_Input data_
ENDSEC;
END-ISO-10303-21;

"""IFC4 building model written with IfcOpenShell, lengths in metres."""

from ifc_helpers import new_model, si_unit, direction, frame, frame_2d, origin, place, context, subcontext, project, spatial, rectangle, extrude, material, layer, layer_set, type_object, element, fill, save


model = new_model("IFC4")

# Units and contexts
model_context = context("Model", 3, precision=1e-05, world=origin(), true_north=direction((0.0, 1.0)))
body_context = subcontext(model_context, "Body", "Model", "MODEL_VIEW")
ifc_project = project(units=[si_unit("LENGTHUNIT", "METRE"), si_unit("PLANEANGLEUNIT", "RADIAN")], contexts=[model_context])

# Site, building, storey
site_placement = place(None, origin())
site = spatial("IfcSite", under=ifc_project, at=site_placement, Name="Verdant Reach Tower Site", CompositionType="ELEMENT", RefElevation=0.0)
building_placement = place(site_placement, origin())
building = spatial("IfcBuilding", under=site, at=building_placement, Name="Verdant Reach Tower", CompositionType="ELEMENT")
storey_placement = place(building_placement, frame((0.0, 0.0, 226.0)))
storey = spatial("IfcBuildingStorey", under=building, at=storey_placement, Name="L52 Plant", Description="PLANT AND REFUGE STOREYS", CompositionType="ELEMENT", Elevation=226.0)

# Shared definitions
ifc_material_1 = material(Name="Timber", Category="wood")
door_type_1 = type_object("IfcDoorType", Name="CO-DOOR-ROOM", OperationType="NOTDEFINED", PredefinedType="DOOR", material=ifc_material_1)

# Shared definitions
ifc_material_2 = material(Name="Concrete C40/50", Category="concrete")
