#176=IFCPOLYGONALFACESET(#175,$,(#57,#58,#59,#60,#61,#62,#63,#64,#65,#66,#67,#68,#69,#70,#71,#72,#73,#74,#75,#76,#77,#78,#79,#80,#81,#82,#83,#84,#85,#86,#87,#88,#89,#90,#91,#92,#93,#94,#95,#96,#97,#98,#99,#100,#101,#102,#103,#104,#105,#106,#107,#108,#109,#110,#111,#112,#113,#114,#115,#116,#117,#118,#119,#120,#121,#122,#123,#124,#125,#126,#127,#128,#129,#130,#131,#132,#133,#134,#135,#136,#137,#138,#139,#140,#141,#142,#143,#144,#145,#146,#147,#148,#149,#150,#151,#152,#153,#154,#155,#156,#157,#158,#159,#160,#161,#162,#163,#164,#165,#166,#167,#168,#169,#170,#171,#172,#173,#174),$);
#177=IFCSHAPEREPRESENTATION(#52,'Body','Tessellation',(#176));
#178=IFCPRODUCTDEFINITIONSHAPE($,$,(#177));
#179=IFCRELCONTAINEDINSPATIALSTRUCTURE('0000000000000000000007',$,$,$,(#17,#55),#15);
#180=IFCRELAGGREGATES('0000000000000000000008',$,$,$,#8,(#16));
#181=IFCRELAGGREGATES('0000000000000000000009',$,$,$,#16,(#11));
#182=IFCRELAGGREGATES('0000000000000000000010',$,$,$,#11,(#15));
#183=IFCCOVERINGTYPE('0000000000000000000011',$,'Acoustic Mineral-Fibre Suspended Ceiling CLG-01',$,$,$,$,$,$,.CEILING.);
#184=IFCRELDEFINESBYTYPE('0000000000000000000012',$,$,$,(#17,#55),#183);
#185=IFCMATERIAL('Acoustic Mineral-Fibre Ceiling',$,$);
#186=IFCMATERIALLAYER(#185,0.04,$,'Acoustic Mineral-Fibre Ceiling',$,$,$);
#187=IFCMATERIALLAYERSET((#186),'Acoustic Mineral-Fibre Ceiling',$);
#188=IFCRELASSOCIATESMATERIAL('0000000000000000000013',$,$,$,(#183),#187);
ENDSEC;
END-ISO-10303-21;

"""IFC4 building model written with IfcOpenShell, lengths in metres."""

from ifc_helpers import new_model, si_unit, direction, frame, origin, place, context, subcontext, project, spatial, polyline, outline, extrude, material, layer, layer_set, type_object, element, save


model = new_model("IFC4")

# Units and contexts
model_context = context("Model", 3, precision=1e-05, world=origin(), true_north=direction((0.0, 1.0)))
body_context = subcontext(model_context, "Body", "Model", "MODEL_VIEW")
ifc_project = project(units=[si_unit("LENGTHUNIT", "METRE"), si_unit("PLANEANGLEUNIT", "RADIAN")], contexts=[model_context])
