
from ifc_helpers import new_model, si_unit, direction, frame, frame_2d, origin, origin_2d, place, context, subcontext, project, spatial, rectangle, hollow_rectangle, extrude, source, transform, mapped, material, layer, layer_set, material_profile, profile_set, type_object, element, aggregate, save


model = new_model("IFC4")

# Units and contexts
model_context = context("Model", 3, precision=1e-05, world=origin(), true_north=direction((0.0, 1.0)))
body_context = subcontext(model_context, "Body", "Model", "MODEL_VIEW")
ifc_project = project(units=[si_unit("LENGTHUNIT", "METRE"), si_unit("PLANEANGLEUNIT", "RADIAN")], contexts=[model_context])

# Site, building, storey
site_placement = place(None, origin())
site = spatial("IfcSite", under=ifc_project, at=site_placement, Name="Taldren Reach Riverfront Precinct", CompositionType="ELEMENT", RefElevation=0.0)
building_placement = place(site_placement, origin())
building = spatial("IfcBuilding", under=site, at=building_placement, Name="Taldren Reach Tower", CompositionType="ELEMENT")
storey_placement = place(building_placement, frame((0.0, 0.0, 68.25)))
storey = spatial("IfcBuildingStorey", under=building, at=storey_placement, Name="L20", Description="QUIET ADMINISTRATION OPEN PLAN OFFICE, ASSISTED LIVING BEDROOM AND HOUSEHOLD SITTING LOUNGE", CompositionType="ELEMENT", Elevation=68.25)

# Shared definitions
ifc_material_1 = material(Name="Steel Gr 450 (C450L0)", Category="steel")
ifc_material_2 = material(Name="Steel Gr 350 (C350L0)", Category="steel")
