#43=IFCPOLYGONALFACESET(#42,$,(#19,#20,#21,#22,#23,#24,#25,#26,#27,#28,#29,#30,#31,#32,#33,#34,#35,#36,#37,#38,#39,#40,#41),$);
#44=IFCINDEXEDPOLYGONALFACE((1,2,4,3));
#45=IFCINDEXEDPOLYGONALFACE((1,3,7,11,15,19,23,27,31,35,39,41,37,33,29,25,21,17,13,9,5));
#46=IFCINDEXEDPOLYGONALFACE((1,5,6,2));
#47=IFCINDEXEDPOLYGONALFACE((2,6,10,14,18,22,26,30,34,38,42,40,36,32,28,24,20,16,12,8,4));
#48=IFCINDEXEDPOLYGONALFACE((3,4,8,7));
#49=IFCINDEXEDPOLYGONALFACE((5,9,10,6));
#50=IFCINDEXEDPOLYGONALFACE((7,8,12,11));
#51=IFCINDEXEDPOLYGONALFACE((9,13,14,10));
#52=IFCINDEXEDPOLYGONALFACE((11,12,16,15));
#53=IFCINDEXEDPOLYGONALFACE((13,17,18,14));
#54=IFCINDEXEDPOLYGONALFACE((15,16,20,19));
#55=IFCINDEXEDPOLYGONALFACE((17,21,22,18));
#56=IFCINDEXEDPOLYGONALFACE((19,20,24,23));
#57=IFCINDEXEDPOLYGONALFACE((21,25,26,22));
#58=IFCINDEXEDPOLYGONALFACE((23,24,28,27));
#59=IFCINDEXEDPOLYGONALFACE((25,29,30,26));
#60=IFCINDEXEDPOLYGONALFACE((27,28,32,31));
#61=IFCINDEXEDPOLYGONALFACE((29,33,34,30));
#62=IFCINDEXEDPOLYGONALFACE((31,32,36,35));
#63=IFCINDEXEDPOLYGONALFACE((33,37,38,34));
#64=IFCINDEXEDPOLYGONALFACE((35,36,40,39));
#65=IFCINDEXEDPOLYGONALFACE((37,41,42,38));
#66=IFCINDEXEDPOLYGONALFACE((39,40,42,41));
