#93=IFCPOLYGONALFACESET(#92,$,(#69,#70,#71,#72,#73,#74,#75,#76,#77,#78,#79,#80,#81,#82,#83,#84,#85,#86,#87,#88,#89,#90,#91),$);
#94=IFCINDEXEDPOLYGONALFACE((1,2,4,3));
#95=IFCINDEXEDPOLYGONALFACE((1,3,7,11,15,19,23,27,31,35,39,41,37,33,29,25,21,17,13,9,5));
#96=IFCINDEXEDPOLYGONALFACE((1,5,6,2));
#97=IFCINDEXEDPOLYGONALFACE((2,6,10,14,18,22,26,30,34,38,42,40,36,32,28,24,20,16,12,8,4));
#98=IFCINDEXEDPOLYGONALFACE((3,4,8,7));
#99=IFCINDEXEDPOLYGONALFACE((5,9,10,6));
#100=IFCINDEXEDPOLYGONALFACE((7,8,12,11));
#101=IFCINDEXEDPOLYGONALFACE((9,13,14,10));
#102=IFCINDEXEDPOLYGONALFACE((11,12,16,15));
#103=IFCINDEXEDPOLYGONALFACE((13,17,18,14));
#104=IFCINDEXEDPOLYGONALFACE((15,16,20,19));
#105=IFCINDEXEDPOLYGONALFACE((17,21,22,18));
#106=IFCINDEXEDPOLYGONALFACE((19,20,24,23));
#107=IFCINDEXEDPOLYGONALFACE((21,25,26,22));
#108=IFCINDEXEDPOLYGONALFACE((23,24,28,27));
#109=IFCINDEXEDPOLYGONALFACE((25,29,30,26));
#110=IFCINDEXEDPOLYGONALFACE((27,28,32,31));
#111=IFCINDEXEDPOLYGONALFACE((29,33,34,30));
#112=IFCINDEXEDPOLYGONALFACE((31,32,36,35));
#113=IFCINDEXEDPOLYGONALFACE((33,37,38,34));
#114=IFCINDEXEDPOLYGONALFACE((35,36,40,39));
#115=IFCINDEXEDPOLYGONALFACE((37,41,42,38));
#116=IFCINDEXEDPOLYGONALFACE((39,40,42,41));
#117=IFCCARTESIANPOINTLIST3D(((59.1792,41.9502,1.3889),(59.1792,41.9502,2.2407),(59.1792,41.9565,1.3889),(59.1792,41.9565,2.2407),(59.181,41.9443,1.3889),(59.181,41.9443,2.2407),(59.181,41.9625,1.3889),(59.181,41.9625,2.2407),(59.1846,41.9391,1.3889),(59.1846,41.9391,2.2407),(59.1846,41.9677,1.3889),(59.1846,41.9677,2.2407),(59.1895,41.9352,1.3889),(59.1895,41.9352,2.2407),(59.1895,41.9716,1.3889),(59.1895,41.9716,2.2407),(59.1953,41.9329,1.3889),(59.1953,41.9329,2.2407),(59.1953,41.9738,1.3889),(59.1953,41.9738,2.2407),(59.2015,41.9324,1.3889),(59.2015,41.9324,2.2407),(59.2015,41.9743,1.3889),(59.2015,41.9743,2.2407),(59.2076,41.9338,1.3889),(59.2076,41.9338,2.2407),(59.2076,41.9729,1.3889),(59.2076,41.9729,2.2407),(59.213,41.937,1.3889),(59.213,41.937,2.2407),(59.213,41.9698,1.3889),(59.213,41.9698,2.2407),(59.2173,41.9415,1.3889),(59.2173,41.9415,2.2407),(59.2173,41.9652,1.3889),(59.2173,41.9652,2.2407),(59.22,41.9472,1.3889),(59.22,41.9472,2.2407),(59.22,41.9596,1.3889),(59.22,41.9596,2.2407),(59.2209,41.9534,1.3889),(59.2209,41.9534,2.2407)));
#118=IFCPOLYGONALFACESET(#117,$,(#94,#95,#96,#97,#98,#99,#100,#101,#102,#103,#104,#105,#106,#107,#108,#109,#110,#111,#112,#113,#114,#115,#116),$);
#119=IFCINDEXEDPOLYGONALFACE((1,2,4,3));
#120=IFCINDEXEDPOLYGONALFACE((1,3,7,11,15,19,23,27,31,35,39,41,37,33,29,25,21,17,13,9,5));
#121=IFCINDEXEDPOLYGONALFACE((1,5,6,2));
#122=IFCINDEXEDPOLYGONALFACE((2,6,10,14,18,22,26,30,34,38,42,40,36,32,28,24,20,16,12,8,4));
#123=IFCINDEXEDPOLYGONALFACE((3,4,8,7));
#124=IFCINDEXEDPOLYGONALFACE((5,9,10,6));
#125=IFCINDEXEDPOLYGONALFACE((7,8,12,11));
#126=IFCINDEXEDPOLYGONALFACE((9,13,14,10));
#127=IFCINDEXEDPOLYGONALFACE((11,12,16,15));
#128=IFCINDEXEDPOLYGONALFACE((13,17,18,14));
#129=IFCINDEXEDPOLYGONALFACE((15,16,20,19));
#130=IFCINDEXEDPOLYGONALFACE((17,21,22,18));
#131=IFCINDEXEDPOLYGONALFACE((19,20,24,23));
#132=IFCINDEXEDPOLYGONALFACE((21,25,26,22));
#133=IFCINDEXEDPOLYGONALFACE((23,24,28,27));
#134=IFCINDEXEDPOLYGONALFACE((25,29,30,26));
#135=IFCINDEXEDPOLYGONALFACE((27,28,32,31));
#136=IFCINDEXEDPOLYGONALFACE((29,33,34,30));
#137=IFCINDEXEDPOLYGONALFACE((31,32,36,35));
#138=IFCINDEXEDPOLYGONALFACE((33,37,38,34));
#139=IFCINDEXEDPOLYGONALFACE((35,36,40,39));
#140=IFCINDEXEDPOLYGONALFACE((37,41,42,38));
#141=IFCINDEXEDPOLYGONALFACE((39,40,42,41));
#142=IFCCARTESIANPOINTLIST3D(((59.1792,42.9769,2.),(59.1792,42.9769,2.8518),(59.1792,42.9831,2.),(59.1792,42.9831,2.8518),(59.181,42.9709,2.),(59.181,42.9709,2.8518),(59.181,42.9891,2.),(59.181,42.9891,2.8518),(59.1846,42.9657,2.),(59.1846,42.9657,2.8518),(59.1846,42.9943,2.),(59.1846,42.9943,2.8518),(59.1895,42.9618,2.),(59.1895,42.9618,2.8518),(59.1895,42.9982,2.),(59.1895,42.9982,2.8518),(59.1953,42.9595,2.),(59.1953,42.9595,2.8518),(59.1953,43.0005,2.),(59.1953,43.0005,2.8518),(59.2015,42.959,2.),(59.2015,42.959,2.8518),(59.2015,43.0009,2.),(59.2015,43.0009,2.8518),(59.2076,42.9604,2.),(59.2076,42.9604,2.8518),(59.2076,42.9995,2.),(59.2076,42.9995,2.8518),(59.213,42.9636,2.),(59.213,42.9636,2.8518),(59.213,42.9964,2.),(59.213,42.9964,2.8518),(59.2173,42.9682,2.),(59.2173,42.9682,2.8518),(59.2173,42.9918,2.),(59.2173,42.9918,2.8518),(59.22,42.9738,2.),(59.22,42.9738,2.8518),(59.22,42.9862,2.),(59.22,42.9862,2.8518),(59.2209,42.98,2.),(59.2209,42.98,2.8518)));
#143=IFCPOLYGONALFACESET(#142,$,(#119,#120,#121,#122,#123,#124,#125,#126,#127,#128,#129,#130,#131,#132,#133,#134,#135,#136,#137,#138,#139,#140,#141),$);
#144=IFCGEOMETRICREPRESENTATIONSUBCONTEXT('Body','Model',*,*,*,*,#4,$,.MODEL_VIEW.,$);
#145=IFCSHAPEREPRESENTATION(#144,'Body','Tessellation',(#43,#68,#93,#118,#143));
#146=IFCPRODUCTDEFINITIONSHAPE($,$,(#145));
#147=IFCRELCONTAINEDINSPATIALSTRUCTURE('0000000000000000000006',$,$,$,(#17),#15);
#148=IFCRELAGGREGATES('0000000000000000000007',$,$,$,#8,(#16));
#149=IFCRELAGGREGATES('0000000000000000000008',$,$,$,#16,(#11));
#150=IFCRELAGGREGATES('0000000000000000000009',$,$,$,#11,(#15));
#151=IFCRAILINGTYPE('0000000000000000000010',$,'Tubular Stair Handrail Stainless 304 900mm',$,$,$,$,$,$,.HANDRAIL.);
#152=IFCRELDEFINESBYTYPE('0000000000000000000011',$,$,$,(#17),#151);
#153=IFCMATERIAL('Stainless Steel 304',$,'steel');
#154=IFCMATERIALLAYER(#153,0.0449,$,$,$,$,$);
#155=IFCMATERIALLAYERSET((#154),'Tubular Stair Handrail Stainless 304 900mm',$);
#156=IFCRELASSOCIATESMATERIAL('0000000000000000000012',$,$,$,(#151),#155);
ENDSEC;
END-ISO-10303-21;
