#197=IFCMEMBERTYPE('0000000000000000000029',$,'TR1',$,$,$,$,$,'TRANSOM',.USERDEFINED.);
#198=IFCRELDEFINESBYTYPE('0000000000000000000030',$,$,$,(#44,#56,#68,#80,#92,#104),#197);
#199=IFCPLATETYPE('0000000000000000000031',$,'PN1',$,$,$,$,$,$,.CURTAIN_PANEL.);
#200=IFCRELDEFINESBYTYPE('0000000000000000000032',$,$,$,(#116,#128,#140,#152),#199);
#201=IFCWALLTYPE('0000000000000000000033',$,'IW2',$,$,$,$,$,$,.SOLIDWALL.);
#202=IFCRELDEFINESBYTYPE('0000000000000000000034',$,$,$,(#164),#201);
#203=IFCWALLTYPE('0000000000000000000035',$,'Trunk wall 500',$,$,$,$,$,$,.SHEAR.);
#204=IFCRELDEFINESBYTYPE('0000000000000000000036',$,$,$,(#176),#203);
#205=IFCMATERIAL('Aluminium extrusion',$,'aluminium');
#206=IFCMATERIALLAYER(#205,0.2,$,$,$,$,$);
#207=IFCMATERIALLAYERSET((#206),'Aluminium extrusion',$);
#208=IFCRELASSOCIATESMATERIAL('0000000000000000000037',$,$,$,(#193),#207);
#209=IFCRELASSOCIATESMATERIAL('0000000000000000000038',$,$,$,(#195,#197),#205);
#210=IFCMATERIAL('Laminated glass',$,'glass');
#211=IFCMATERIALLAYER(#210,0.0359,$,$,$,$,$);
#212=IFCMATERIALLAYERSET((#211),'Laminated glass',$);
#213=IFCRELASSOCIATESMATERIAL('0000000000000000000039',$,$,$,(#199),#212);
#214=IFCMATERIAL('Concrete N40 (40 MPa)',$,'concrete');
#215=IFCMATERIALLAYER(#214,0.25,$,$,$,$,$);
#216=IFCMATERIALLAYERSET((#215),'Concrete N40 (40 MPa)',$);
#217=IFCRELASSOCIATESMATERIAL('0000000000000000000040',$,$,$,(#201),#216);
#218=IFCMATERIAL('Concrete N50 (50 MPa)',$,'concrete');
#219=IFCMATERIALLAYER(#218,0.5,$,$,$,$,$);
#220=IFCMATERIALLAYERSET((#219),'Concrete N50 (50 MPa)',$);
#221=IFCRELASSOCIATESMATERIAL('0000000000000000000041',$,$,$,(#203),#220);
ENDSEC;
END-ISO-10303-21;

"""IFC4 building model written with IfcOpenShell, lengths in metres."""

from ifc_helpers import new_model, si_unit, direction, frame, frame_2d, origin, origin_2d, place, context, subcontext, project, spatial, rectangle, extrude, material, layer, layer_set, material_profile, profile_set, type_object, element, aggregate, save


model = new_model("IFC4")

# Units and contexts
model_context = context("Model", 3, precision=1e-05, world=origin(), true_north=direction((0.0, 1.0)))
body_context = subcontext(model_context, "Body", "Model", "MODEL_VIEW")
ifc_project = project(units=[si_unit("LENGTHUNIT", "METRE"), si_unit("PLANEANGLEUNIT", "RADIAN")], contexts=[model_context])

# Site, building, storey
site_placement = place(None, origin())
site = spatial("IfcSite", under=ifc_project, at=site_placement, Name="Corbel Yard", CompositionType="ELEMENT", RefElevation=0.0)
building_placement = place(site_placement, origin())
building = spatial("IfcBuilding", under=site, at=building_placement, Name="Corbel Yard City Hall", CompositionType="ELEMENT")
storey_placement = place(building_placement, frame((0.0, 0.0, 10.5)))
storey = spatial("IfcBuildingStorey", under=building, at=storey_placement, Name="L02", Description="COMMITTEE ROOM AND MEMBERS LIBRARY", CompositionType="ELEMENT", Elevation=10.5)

_What you need to do_
Give only the lines from the one holding "#49=IFCINDEXEDPOLYGONALFACE((5,9,10,6));" through the one holding "#61=IFCINDEXEDPOLYGONALFACE((29,33,34,30));", each restated exactly as it appears above.

_Task output_
#49=IFCINDEXEDPOLYGONALFACE((5,9,10,6));
#50=IFCINDEXEDPOLYGONALFACE((7,8,12,11));
#51=IFCINDEXEDPOLYGONALFACE((9,13,14,10));
#52=IFCINDEXEDPOLYGONALFACE((11,12,16,15));
#53=IFCINDEXEDPOLYGONALFACE((13,17,18,14));
#54=IFCINDEXEDPOLYGONALFACE((15,16,20,19));
#55=IFCINDEXEDPOLYGONALFACE((17,21,22,18));
#56=IFCINDEXEDPOLYGONALFACE((19,20,24,23));
#57=IFCINDEXEDPOLYGONALFACE((21,25,26,22));
#58=IFCINDEXEDPOLYGONALFACE((23,24,28,27));
#59=IFCINDEXEDPOLYGONALFACE((25,29,30,26));
#60=IFCINDEXEDPOLYGONALFACE((27,28,32,31));
#61=IFCINDEXEDPOLYGONALFACE((29,33,34,30));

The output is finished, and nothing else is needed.